(Problem description) Transcribe the records below exactly, from their first line through the line containing "END-ISO-10303-21;". Omit every line after it.

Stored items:
*** Begin section ***

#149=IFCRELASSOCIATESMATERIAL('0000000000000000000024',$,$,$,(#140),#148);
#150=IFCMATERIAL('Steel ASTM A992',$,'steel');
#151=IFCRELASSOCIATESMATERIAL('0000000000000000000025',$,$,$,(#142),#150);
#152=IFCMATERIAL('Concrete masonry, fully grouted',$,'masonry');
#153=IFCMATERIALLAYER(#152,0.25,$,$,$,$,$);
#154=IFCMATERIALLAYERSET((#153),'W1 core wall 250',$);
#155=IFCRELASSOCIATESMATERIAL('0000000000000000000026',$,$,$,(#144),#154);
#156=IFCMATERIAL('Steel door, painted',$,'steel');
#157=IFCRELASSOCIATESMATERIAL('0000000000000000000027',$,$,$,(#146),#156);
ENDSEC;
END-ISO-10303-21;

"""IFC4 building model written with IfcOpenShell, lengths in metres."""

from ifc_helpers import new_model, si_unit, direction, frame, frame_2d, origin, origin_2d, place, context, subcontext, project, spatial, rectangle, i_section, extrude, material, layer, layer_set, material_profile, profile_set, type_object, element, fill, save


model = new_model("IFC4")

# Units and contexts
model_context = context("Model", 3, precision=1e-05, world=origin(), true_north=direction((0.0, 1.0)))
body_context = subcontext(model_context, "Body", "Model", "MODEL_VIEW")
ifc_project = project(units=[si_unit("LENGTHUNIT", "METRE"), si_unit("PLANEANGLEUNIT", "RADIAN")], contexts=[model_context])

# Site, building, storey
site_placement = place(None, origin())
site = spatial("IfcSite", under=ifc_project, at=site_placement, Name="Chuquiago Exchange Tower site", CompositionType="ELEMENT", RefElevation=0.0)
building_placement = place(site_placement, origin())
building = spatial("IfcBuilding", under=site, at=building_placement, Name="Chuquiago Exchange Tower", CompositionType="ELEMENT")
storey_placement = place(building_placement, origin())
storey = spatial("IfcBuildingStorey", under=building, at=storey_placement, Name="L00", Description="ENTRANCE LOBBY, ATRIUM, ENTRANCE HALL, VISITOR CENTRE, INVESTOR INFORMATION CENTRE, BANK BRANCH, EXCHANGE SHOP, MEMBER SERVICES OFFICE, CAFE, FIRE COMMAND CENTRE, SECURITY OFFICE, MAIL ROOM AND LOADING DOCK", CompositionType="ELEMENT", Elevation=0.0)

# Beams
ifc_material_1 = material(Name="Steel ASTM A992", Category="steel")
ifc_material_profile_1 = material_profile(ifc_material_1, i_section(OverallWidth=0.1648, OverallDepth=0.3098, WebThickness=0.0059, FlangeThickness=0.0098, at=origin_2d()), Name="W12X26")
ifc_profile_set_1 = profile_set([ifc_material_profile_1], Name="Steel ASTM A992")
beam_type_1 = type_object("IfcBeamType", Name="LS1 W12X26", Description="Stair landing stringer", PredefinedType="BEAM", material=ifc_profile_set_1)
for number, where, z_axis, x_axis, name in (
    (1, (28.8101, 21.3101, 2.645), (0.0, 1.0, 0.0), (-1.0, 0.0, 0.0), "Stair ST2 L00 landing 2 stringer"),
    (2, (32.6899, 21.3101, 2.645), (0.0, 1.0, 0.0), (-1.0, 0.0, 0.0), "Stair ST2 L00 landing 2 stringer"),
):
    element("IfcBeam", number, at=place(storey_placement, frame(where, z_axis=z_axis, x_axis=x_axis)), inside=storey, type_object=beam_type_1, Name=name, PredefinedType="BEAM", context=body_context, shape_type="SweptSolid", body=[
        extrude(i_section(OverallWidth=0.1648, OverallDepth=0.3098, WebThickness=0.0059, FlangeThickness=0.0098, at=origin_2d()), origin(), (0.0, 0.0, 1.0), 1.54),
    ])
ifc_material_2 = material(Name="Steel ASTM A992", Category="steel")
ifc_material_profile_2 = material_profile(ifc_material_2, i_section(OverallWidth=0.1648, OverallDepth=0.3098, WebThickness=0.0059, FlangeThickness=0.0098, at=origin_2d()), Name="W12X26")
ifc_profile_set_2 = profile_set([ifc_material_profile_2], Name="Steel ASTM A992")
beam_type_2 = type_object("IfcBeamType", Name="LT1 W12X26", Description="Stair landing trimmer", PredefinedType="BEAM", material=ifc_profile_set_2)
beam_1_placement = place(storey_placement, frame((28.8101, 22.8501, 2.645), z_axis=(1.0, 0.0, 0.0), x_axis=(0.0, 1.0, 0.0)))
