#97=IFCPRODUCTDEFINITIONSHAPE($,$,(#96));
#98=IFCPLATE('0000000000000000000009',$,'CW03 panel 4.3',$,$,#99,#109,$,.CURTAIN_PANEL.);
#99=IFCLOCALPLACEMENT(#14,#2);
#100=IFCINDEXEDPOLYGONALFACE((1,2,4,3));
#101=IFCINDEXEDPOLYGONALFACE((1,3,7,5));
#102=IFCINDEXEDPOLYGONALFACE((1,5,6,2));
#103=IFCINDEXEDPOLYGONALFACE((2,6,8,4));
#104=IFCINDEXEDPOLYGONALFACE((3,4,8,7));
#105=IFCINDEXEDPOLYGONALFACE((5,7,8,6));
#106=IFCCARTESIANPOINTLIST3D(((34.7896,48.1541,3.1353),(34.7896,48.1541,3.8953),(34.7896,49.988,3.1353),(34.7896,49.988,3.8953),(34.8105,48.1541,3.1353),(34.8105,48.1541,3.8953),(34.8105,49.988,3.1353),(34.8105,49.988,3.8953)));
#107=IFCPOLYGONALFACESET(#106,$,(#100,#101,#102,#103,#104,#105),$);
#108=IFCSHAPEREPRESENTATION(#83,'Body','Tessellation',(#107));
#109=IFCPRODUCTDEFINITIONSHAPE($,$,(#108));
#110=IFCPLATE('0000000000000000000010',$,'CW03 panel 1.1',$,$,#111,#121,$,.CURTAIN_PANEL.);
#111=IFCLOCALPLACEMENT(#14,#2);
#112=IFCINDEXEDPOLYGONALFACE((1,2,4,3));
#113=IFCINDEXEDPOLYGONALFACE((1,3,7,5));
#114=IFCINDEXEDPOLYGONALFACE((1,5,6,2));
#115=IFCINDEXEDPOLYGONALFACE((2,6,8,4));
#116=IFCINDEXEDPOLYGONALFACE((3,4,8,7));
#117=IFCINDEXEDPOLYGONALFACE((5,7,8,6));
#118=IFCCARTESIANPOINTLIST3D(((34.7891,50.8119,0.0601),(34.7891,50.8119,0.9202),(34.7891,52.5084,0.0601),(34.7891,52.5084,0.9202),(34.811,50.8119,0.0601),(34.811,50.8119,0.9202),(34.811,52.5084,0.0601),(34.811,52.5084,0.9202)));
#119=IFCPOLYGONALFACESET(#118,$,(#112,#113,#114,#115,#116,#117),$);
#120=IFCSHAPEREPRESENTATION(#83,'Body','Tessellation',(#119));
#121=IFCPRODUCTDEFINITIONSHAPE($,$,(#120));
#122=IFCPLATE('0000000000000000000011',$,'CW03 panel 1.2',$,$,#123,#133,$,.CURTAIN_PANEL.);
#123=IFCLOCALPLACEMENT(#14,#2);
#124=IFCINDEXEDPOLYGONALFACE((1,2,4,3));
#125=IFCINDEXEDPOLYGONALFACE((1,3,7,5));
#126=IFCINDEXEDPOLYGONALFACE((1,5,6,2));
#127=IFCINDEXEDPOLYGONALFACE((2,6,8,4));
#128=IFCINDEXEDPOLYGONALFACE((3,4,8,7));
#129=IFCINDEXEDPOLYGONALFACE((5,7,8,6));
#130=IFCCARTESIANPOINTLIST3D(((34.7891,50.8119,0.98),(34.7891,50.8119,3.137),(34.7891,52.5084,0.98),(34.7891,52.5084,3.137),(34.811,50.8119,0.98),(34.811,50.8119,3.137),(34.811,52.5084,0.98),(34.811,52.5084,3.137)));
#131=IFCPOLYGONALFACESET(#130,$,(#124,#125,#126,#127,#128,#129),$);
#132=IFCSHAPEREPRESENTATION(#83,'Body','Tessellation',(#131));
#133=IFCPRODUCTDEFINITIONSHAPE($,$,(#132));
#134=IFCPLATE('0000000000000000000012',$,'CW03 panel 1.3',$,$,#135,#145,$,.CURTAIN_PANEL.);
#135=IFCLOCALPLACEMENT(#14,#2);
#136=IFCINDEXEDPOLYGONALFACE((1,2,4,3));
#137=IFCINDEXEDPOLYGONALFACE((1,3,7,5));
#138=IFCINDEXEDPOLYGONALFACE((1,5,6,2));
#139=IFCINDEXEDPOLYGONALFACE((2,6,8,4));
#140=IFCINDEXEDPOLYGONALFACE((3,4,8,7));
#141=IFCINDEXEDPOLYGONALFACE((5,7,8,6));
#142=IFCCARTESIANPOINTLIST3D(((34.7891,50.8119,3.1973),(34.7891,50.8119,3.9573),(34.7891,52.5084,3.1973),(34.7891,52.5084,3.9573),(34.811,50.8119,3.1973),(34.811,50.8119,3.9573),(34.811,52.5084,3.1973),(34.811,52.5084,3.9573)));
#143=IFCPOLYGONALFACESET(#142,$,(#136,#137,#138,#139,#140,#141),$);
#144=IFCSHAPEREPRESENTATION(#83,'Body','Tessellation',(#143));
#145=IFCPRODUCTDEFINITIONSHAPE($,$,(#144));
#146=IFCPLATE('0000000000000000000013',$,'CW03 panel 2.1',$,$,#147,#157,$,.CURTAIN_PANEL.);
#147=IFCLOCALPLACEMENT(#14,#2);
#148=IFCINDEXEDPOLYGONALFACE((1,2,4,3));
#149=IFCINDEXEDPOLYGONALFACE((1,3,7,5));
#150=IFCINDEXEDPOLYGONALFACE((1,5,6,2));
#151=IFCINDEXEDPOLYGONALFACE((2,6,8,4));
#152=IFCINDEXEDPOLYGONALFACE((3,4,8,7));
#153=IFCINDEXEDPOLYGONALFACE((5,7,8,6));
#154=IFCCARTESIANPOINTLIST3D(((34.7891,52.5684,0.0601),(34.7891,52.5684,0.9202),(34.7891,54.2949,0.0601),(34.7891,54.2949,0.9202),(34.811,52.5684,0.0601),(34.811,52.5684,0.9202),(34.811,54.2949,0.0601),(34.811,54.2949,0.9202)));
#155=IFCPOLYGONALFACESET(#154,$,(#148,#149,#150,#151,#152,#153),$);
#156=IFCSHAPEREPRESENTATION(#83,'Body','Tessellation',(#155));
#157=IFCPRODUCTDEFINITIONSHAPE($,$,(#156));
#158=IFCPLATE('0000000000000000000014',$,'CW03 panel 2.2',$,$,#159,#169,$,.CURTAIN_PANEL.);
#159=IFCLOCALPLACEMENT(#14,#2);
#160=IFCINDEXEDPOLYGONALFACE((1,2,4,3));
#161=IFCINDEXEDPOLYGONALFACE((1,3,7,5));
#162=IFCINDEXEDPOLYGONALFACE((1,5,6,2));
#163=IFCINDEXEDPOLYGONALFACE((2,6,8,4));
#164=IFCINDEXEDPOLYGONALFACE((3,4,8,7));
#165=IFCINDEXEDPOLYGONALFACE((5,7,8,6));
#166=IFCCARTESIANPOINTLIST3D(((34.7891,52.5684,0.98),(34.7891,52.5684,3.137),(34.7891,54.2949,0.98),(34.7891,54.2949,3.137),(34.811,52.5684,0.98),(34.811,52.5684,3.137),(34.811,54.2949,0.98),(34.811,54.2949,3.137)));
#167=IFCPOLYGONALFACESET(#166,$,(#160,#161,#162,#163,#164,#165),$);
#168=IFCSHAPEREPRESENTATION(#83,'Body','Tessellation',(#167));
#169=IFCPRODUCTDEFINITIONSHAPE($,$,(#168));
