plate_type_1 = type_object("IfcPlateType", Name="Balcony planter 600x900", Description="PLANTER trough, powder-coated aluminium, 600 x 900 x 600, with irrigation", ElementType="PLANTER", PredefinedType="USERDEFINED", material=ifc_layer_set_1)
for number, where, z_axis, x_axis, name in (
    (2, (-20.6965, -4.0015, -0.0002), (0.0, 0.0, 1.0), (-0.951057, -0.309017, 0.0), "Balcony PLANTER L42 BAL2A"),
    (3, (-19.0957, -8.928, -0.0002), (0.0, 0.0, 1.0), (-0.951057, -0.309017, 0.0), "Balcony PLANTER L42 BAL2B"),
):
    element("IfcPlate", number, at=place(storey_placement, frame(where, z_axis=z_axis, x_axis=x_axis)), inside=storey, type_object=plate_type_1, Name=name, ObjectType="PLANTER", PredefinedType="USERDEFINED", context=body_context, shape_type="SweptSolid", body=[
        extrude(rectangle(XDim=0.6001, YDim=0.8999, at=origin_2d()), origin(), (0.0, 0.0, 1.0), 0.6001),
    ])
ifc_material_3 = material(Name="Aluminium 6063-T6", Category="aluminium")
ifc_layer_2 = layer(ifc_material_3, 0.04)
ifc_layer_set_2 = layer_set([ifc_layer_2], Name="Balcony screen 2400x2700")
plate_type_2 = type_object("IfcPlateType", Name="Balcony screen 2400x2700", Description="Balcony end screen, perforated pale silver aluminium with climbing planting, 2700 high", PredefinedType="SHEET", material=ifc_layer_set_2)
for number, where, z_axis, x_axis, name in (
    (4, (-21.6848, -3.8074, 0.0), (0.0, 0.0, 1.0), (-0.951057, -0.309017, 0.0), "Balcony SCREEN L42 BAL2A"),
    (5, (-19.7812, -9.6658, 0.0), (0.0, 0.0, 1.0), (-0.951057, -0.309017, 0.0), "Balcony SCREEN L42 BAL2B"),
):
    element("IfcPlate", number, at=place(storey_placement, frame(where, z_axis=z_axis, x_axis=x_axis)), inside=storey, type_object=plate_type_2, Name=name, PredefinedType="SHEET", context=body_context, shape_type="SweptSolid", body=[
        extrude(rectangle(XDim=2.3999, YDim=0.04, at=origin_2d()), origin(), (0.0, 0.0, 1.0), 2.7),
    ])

*** End section ***

(Response to the exercise)
#149=IFCRELASSOCIATESMATERIAL('0000000000000000000024',$,$,$,(#140),#148);
#150=IFCMATERIAL('Steel ASTM A992',$,'steel');
#151=IFCRELASSOCIATESMATERIAL('0000000000000000000025',$,$,$,(#142),#150);
#152=IFCMATERIAL('Concrete masonry, fully grouted',$,'masonry');
#153=IFCMATERIALLAYER(#152,0.25,$,$,$,$,$);
#154=IFCMATERIALLAYERSET((#153),'W1 core wall 250',$);
#155=IFCRELASSOCIATESMATERIAL('0000000000000000000026',$,$,$,(#144),#154);
#156=IFCMATERIAL('Steel door, painted',$,'steel');
#157=IFCRELASSOCIATESMATERIAL('0000000000000000000027',$,$,$,(#146),#156);
ENDSEC;
END-ISO-10303-21;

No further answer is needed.